Segment Start: DATA TO PROCESS

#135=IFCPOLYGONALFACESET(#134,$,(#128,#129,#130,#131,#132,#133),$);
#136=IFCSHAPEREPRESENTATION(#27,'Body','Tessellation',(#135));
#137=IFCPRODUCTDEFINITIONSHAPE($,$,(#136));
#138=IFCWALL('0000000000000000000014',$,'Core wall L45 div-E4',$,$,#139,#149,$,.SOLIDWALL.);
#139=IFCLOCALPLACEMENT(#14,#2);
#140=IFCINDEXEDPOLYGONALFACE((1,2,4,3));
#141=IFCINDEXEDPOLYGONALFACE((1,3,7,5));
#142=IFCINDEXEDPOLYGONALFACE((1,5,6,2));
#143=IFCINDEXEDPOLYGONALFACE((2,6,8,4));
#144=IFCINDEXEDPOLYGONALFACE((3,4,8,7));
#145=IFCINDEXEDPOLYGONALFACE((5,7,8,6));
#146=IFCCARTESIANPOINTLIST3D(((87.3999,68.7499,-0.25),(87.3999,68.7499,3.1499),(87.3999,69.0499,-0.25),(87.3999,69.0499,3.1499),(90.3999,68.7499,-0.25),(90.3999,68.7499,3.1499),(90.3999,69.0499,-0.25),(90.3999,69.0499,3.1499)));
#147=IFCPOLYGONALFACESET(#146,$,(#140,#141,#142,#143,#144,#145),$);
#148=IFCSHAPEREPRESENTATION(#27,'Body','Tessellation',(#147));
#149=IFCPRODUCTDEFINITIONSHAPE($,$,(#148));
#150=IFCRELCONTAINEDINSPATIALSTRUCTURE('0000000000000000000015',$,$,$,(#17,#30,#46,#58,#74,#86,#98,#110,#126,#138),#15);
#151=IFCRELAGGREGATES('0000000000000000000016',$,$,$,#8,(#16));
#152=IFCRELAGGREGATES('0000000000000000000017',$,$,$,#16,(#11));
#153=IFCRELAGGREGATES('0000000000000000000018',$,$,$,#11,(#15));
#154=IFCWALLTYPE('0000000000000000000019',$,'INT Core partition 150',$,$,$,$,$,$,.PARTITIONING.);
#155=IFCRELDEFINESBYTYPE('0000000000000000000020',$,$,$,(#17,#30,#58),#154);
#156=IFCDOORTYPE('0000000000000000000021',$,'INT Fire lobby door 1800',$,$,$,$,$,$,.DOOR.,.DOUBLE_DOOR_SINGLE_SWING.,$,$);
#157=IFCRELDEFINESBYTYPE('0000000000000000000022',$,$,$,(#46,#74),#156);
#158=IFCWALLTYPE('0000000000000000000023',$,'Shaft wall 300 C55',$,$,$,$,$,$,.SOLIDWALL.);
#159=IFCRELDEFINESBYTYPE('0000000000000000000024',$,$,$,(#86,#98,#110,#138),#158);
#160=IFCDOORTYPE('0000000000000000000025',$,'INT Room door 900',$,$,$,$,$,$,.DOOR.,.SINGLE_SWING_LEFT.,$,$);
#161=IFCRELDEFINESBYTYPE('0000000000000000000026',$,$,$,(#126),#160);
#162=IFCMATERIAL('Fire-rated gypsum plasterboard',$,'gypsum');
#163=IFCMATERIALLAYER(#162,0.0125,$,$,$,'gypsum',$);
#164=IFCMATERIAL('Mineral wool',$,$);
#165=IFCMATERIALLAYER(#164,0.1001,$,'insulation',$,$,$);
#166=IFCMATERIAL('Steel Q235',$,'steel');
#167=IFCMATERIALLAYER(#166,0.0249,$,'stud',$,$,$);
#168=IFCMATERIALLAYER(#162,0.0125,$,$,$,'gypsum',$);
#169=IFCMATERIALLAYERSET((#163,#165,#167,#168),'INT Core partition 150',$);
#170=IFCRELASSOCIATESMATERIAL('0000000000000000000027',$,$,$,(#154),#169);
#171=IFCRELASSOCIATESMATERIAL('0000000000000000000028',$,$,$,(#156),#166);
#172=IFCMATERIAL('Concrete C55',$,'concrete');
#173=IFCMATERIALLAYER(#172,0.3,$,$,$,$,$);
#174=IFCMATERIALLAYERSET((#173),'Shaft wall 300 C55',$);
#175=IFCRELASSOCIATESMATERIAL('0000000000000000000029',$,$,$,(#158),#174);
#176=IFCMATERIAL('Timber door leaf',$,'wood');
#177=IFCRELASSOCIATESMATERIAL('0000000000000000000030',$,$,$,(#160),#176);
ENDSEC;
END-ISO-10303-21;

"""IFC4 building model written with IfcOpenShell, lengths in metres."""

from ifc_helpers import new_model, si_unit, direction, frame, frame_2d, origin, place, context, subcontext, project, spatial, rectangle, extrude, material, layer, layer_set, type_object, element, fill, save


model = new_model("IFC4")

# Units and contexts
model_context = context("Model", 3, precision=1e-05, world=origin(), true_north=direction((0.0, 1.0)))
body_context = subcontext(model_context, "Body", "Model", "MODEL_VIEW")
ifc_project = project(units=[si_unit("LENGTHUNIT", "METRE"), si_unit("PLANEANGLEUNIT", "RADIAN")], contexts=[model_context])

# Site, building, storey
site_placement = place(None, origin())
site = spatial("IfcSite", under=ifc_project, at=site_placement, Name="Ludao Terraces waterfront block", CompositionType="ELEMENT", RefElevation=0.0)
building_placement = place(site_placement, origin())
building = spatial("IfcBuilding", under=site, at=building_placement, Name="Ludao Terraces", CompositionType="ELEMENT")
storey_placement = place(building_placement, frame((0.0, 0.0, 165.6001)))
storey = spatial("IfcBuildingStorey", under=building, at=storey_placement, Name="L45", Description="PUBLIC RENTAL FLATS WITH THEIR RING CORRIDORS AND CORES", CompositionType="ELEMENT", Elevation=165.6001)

Segment End: DATA TO PROCESS
Segment Start: DATA TO PROCESS

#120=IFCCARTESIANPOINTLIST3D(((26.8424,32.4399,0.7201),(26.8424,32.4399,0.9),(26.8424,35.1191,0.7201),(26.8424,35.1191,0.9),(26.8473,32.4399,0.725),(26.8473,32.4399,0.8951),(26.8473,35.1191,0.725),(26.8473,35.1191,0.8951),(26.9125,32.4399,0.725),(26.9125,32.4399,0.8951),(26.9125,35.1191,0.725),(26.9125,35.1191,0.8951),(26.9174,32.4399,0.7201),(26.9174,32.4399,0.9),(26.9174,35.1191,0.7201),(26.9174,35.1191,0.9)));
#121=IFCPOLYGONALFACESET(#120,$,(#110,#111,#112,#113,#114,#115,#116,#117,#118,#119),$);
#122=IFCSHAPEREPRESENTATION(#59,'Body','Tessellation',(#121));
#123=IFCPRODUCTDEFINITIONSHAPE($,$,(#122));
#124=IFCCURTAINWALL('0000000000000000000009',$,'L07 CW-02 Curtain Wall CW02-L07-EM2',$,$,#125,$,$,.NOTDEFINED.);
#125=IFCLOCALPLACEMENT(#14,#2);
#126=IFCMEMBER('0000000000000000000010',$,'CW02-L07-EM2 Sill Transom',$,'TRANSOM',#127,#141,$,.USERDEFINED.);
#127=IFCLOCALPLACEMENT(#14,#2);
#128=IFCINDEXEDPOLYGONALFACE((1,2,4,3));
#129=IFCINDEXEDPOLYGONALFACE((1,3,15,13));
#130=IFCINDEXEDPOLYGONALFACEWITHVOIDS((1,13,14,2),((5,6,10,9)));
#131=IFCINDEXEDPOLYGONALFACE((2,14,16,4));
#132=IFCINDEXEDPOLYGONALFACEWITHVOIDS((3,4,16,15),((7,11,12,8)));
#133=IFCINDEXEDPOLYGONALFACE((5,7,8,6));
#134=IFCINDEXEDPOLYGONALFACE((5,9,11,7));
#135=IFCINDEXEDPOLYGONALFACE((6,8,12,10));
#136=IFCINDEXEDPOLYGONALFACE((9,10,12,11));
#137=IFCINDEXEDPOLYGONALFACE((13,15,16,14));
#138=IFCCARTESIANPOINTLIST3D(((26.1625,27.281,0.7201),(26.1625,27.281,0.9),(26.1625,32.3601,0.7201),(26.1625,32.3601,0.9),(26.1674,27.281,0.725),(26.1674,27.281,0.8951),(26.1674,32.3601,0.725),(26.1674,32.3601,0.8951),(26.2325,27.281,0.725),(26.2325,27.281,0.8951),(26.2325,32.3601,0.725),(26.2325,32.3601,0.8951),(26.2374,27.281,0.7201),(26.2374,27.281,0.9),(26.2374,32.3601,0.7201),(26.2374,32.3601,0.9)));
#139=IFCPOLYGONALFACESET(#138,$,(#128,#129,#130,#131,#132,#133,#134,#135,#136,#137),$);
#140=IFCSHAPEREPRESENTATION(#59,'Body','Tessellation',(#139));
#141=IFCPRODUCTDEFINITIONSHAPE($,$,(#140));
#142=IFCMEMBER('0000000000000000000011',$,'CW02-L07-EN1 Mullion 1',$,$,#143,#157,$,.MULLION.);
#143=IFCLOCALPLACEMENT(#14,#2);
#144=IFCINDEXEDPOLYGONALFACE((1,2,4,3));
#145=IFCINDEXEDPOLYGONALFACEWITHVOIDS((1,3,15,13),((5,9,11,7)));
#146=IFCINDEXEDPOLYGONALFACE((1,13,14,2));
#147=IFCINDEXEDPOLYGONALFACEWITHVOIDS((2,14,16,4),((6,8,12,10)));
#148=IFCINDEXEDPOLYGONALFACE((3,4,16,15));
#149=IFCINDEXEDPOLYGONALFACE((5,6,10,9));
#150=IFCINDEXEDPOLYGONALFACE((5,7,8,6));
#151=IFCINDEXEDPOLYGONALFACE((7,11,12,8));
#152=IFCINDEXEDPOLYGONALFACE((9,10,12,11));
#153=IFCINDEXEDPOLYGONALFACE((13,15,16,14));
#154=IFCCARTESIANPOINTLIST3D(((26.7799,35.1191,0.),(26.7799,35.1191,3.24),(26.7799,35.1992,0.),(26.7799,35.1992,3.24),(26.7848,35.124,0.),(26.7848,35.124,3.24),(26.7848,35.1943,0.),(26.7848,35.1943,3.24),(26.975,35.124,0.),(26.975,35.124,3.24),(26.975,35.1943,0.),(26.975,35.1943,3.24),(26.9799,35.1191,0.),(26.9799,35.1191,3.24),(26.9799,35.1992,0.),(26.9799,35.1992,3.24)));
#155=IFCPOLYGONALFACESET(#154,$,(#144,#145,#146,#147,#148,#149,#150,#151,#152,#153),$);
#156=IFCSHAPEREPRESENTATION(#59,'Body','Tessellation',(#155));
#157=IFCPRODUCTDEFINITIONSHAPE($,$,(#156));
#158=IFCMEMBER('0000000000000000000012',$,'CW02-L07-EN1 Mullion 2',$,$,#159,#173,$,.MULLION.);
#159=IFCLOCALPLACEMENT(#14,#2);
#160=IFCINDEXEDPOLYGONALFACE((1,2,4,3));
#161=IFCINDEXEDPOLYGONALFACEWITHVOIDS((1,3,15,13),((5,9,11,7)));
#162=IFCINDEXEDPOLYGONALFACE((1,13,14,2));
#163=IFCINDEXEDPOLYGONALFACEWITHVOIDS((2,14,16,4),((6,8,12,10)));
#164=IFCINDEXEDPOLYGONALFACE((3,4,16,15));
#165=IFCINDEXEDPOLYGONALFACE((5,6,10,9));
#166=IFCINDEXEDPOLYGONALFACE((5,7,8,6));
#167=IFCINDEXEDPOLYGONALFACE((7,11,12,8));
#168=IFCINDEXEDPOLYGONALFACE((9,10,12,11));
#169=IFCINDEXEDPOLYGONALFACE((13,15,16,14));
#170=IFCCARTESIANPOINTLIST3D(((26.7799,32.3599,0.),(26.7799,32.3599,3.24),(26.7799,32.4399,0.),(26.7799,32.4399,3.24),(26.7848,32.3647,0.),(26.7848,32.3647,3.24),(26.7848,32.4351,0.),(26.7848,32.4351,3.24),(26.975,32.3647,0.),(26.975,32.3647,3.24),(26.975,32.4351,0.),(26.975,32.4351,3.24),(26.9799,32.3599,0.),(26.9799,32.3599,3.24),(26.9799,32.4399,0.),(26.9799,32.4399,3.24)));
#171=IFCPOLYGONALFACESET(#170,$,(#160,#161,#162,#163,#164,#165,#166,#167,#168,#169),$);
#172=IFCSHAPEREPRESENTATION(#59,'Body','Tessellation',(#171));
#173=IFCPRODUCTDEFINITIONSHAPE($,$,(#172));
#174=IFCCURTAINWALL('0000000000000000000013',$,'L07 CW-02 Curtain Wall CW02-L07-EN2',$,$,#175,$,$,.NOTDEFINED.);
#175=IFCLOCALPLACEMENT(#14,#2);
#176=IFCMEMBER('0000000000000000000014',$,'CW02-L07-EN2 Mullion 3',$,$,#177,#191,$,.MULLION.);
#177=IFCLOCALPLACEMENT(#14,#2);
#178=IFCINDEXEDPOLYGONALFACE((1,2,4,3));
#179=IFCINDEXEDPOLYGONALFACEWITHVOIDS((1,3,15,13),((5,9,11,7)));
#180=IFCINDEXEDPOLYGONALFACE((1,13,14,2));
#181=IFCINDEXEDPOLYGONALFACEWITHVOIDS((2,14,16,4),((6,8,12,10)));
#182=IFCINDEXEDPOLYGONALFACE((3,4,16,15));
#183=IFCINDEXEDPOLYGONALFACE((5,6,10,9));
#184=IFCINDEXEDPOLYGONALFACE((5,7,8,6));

Segment End: DATA TO PROCESS

• TASK TO COMPLETE:
Gather up, from the records above, each line where the word "Name" appears.

• OUTPUT BELOW:
site = spatial("IfcSite", under=ifc_project, at=site_placement, Name="Ludao Terraces waterfront block", CompositionType="ELEMENT", RefElevation=0.0)
building = spatial("IfcBuilding", under=site, at=building_placement, Name="Ludao Terraces", CompositionType="ELEMENT")
storey = spatial("IfcBuildingStorey", under=building, at=storey_placement, Name="L45", Description="PUBLIC RENTAL FLATS WITH THEIR RING CORRIDORS AND CORES", CompositionType="ELEMENT", Elevation=165.6001)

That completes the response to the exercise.